Without any omission, reproduce the records that follow.

*** Begin section ***

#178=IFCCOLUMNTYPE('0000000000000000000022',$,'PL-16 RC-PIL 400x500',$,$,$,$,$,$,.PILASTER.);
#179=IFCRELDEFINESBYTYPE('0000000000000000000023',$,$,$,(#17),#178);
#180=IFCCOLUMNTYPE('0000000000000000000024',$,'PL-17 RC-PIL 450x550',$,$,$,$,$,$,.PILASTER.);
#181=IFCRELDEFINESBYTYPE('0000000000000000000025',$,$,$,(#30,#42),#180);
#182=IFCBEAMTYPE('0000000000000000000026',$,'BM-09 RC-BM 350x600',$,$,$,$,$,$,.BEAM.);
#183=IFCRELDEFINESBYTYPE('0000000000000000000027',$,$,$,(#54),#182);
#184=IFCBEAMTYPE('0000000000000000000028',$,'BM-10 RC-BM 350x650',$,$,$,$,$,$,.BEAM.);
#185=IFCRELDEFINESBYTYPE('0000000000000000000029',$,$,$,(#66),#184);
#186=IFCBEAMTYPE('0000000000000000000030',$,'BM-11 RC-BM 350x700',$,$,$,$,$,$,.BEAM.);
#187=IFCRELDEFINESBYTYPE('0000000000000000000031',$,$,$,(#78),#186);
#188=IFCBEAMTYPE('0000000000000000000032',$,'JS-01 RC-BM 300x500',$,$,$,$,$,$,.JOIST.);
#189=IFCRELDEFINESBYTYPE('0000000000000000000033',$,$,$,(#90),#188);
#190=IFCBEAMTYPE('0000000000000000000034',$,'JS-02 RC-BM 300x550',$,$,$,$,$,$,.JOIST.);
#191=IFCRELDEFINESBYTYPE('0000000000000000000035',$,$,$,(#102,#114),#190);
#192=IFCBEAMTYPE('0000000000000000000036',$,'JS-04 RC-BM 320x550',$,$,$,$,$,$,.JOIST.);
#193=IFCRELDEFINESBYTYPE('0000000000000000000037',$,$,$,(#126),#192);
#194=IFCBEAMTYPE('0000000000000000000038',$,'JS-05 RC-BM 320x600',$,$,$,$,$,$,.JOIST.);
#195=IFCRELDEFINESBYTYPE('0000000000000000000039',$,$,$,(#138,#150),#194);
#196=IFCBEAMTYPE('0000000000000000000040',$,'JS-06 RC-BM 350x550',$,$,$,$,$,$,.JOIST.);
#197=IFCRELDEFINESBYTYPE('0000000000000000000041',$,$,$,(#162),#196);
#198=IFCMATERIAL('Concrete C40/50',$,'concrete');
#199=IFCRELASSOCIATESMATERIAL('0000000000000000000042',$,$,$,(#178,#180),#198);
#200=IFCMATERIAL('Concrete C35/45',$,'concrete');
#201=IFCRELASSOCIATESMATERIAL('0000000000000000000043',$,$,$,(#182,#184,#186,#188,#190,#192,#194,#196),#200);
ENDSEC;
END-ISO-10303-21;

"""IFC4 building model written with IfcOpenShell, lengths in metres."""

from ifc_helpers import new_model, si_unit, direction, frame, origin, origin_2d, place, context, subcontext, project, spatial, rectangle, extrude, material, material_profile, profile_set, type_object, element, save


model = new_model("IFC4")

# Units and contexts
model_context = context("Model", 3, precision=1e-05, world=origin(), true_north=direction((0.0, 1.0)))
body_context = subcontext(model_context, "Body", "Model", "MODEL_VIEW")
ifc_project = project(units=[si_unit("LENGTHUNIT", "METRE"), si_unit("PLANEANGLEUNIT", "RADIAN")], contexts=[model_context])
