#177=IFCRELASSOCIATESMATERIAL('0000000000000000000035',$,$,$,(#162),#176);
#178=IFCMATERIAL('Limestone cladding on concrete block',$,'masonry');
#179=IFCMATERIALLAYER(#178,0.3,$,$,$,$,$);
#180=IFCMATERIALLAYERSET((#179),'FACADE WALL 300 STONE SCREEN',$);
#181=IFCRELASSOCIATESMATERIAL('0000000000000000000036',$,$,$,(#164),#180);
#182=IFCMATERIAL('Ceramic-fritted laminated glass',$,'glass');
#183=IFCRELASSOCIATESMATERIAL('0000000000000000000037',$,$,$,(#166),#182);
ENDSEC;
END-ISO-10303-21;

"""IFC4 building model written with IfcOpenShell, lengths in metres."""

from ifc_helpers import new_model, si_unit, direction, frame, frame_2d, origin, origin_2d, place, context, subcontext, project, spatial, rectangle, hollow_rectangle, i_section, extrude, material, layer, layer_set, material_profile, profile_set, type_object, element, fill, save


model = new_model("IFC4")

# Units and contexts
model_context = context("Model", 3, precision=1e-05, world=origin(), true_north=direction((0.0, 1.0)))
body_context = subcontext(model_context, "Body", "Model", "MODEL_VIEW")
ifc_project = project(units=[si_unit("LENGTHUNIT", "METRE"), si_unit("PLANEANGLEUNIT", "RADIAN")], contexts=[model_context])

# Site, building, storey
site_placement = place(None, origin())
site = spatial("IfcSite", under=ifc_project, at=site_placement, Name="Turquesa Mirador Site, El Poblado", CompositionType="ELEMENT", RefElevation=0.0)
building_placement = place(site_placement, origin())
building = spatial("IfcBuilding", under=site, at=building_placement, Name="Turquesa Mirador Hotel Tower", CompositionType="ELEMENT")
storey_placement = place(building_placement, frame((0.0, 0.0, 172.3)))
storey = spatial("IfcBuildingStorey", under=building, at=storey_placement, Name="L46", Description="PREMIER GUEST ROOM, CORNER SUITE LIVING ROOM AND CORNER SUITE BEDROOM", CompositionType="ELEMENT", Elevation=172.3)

*** End section ***

**TASK SOLUTION**.
#178=IFCCOLUMNTYPE('0000000000000000000022',$,'PL-16 RC-PIL 400x500',$,$,$,$,$,$,.PILASTER.);
#179=IFCRELDEFINESBYTYPE('0000000000000000000023',$,$,$,(#17),#178);
#180=IFCCOLUMNTYPE('0000000000000000000024',$,'PL-17 RC-PIL 450x550',$,$,$,$,$,$,.PILASTER.);
#181=IFCRELDEFINESBYTYPE('0000000000000000000025',$,$,$,(#30,#42),#180);
#182=IFCBEAMTYPE('0000000000000000000026',$,'BM-09 RC-BM 350x600',$,$,$,$,$,$,.BEAM.);
#183=IFCRELDEFINESBYTYPE('0000000000000000000027',$,$,$,(#54),#182);
#184=IFCBEAMTYPE('0000000000000000000028',$,'BM-10 RC-BM 350x650',$,$,$,$,$,$,.BEAM.);
#185=IFCRELDEFINESBYTYPE('0000000000000000000029',$,$,$,(#66),#184);
#186=IFCBEAMTYPE('0000000000000000000030',$,'BM-11 RC-BM 350x700',$,$,$,$,$,$,.BEAM.);
#187=IFCRELDEFINESBYTYPE('0000000000000000000031',$,$,$,(#78),#186);
#188=IFCBEAMTYPE('0000000000000000000032',$,'JS-01 RC-BM 300x500',$,$,$,$,$,$,.JOIST.);
#189=IFCRELDEFINESBYTYPE('0000000000000000000033',$,$,$,(#90),#188);
#190=IFCBEAMTYPE('0000000000000000000034',$,'JS-02 RC-BM 300x550',$,$,$,$,$,$,.JOIST.);
#191=IFCRELDEFINESBYTYPE('0000000000000000000035',$,$,$,(#102,#114),#190);
#192=IFCBEAMTYPE('0000000000000000000036',$,'JS-04 RC-BM 320x550',$,$,$,$,$,$,.JOIST.);
#193=IFCRELDEFINESBYTYPE('0000000000000000000037',$,$,$,(#126),#192);
#194=IFCBEAMTYPE('0000000000000000000038',$,'JS-05 RC-BM 320x600',$,$,$,$,$,$,.JOIST.);
#195=IFCRELDEFINESBYTYPE('0000000000000000000039',$,$,$,(#138,#150),#194);
#196=IFCBEAMTYPE('0000000000000000000040',$,'JS-06 RC-BM 350x550',$,$,$,$,$,$,.JOIST.);
#197=IFCRELDEFINESBYTYPE('0000000000000000000041',$,$,$,(#162),#196);
#198=IFCMATERIAL('Concrete C40/50',$,'concrete');
#199=IFCRELASSOCIATESMATERIAL('0000000000000000000042',$,$,$,(#178,#180),#198);
#200=IFCMATERIAL('Concrete C35/45',$,'concrete');
#201=IFCRELASSOCIATESMATERIAL('0000000000000000000043',$,$,$,(#182,#184,#186,#188,#190,#192,#194,#196),#200);
ENDSEC;
END-ISO-10303-21;

"""IFC4 building model written with IfcOpenShell, lengths in metres."""

from ifc_helpers import new_model, si_unit, direction, frame, origin, origin_2d, place, context, subcontext, project, spatial, rectangle, extrude, material, material_profile, profile_set, type_object, element, save


model = new_model("IFC4")

# Units and contexts
model_context = context("Model", 3, precision=1e-05, world=origin(), true_north=direction((0.0, 1.0)))
body_context = subcontext(model_context, "Body", "Model", "MODEL_VIEW")
ifc_project = project(units=[si_unit("LENGTHUNIT", "METRE"), si_unit("PLANEANGLEUNIT", "RADIAN")], contexts=[model_context])
#177=IFCRELASSOCIATESMATERIAL('0000000000000000000035',$,$,$,(#162),#176);
#178=IFCMATERIAL('Limestone cladding on concrete block',$,'masonry');
#179=IFCMATERIALLAYER(#178,0.3,$,$,$,$,$);
#180=IFCMATERIALLAYERSET((#179),'FACADE WALL 300 STONE SCREEN',$);
#181=IFCRELASSOCIATESMATERIAL('0000000000000000000036',$,$,$,(#164),#180);
#182=IFCMATERIAL('Ceramic-fritted laminated glass',$,'glass');
#183=IFCRELASSOCIATESMATERIAL('0000000000000000000037',$,$,$,(#166),#182);
ENDSEC;
END-ISO-10303-21;

"""IFC4 building model written with IfcOpenShell, lengths in metres."""

from ifc_helpers import new_model, si_unit, direction, frame, frame_2d, origin, origin_2d, place, context, subcontext, project, spatial, rectangle, hollow_rectangle, i_section, extrude, material, layer, layer_set, material_profile, profile_set, type_object, element, fill, save


model = new_model("IFC4")

# Units and contexts
model_context = context("Model", 3, precision=1e-05, world=origin(), true_north=direction((0.0, 1.0)))
body_context = subcontext(model_context, "Body", "Model", "MODEL_VIEW")
ifc_project = project(units=[si_unit("LENGTHUNIT", "METRE"), si_unit("PLANEANGLEUNIT", "RADIAN")], contexts=[model_context])

# Site, building, storey
site_placement = place(None, origin())
site = spatial("IfcSite", under=ifc_project, at=site_placement, Name="Turquesa Mirador Site, El Poblado", CompositionType="ELEMENT", RefElevation=0.0)
building_placement = place(site_placement, origin())
building = spatial("IfcBuilding", under=site, at=building_placement, Name="Turquesa Mirador Hotel Tower", CompositionType="ELEMENT")
storey_placement = place(building_placement, frame((0.0, 0.0, 172.3)))
storey = spatial("IfcBuildingStorey", under=building, at=storey_placement, Name="L46", Description="PREMIER GUEST ROOM, CORNER SUITE LIVING ROOM AND CORNER SUITE BEDROOM", CompositionType="ELEMENT", Elevation=172.3)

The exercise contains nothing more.